▸ **Requirement**:
Whenever a line of the entries below holds the string "SHEET", copy that line and return it.
--- Material provided ---
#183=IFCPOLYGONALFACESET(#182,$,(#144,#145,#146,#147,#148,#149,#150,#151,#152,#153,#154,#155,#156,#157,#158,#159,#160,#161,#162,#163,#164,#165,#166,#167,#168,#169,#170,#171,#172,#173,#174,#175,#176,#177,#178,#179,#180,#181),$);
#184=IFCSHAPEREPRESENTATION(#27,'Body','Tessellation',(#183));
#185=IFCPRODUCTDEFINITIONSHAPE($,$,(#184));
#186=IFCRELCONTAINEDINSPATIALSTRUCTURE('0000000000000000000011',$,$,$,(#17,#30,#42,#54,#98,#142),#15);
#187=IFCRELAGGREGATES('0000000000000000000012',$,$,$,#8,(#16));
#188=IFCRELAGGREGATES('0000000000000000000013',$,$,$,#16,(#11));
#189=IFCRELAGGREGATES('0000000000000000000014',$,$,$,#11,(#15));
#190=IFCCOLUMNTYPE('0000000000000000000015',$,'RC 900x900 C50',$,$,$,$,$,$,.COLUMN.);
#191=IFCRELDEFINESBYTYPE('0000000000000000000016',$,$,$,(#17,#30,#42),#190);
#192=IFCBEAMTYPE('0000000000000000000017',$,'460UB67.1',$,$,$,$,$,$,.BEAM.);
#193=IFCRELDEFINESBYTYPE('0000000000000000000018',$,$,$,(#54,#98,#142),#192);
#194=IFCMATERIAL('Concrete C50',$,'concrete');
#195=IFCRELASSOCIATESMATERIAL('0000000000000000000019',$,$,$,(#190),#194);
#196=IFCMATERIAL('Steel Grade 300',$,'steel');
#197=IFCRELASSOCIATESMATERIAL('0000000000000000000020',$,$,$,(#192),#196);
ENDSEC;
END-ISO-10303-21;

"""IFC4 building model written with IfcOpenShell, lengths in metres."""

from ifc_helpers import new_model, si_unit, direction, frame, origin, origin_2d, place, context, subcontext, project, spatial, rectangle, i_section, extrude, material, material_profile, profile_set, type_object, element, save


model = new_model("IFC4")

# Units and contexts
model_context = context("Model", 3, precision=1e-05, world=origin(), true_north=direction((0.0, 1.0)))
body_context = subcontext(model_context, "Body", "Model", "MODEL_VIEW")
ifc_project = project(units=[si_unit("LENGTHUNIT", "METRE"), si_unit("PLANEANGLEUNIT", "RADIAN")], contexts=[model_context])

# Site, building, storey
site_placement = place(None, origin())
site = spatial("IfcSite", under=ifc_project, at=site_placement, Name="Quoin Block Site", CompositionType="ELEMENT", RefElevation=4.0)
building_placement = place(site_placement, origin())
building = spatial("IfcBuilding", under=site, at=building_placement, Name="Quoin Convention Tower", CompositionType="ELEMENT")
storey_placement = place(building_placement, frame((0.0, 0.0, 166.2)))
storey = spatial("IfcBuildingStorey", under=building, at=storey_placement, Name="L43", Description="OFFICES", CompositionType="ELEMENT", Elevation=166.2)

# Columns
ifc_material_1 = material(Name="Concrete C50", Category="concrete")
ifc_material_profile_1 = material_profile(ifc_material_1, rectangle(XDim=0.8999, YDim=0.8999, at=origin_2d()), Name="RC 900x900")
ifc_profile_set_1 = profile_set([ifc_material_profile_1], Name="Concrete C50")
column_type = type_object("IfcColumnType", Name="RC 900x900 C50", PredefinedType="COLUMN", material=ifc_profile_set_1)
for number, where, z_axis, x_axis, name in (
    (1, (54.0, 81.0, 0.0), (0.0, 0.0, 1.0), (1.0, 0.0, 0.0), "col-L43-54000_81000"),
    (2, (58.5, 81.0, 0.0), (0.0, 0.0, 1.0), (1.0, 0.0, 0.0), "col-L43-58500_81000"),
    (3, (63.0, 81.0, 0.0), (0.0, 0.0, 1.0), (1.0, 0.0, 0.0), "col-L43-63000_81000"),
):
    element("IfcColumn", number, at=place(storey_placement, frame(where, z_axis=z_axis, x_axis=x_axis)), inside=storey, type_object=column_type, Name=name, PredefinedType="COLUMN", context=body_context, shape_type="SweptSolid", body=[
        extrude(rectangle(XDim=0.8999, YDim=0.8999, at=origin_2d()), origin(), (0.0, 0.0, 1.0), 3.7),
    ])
---
--- Material provided ---
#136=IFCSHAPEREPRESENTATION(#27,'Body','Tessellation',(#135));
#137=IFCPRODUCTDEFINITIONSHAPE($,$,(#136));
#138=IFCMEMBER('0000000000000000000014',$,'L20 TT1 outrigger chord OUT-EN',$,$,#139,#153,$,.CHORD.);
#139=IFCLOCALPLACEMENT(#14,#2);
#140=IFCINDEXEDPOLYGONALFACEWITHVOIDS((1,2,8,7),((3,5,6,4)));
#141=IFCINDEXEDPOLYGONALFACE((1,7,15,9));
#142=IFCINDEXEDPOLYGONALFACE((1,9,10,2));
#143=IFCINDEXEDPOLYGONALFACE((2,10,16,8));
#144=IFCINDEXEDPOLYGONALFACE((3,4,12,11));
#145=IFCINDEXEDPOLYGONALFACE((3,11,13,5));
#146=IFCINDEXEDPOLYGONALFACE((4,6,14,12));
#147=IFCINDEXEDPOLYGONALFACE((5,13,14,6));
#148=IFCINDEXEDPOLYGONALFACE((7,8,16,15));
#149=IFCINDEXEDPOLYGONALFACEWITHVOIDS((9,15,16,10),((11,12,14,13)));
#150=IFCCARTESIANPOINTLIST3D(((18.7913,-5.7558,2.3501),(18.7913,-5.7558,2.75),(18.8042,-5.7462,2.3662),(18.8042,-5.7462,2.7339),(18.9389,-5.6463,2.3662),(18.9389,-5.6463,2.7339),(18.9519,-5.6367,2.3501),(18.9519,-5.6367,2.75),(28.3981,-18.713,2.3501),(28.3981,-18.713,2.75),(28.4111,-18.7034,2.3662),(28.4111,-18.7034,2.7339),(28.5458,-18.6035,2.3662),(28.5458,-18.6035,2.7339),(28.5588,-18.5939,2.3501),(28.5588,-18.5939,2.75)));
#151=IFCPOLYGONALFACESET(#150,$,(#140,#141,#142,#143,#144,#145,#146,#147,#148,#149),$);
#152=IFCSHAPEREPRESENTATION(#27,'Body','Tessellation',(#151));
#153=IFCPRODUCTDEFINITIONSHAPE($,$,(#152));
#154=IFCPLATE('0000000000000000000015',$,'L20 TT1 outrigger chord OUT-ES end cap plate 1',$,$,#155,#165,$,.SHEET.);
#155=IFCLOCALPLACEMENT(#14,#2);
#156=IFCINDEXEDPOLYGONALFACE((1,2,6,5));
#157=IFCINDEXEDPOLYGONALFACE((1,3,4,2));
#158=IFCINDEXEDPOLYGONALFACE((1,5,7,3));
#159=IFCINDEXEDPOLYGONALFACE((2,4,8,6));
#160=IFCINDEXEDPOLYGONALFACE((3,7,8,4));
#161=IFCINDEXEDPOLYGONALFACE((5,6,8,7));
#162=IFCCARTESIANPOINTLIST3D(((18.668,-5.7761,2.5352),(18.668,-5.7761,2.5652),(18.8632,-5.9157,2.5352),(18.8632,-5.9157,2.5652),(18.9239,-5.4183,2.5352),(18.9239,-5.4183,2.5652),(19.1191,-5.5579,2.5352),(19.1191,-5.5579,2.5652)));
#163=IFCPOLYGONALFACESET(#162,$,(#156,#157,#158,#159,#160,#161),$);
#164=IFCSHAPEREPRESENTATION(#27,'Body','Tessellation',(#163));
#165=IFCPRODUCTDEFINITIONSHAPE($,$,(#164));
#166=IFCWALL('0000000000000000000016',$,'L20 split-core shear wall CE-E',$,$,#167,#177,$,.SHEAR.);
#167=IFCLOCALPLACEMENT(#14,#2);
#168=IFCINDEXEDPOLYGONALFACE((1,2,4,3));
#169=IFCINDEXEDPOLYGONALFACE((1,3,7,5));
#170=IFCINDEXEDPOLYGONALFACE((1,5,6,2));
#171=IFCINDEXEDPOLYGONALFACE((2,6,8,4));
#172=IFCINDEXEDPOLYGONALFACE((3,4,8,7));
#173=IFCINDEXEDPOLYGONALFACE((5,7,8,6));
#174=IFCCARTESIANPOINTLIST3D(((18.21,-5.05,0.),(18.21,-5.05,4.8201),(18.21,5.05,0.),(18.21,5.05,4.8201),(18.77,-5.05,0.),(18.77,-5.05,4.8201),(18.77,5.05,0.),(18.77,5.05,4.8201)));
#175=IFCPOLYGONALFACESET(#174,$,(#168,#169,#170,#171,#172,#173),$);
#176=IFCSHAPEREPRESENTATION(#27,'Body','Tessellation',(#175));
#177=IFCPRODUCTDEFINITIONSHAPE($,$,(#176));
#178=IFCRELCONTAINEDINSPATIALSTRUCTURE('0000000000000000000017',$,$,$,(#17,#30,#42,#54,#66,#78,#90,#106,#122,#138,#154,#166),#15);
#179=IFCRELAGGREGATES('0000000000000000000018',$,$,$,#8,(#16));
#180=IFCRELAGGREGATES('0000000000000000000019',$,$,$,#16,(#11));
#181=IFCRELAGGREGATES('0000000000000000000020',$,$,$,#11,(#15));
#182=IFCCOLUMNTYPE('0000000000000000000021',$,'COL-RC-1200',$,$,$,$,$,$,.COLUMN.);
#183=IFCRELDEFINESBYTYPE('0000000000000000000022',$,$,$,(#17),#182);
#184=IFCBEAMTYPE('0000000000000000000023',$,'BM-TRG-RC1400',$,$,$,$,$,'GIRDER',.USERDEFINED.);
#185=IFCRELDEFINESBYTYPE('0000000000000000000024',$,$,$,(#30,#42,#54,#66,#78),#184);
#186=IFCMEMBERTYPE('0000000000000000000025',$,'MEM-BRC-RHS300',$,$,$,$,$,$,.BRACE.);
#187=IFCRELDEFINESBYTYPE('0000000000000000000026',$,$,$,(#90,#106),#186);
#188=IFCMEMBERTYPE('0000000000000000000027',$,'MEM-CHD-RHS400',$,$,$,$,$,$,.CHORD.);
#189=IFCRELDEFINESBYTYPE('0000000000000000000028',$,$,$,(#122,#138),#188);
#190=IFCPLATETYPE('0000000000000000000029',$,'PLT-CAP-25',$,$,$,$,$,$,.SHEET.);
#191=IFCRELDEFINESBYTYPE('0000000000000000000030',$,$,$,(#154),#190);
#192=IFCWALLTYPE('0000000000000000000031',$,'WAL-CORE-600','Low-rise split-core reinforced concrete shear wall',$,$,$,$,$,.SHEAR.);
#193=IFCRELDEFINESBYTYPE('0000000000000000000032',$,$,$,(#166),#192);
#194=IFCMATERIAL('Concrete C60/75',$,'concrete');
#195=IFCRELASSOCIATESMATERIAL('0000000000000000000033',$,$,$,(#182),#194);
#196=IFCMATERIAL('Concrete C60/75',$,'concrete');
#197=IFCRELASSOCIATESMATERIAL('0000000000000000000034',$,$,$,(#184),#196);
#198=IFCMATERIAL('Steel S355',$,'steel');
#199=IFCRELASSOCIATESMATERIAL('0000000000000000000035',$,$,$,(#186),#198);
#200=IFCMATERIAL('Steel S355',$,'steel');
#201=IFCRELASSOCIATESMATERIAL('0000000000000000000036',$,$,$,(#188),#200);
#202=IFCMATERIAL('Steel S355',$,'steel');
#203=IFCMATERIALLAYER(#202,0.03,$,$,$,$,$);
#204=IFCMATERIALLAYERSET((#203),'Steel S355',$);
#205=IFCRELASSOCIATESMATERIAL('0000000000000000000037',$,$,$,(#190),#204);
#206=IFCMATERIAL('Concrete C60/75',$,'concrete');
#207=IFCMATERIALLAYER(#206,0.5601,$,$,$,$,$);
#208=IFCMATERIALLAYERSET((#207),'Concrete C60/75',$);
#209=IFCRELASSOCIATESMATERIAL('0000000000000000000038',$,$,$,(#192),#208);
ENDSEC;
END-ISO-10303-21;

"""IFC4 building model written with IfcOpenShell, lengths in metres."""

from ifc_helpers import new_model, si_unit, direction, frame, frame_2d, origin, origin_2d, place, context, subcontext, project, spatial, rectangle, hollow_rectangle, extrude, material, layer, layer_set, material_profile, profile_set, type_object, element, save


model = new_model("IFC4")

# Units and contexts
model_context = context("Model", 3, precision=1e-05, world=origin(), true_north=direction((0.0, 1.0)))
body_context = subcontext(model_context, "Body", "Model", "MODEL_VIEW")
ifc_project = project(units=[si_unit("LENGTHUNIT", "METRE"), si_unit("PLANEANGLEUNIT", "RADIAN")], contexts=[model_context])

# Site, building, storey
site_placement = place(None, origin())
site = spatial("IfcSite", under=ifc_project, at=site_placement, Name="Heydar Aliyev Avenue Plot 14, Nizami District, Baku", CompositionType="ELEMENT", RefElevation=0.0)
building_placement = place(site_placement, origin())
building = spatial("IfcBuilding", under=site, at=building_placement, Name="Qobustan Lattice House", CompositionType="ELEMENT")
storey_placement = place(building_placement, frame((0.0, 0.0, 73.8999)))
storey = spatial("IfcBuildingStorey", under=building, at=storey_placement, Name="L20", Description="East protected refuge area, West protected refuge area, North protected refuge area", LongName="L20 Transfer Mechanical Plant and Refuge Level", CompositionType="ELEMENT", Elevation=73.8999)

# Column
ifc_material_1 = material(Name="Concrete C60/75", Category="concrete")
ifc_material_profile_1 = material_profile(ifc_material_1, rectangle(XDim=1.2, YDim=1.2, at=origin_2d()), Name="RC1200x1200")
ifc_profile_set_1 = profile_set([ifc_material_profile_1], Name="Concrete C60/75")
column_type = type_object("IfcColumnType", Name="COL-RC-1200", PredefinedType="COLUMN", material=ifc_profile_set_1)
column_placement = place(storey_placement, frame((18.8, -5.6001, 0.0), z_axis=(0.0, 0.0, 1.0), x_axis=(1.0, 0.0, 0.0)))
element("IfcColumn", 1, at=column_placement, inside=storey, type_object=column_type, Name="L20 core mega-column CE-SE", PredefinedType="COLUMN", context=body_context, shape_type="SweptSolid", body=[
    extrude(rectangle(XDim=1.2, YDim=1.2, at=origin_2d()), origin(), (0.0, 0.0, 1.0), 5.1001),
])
---
▸ **Solution**:
#154=IFCPLATE('0000000000000000000015',$,'L20 TT1 outrigger chord OUT-ES end cap plate 1',$,$,#155,#165,$,.SHEET.);
#190=IFCPLATETYPE('0000000000000000000029',$,'PLT-CAP-25',$,$,$,$,$,$,.SHEET.);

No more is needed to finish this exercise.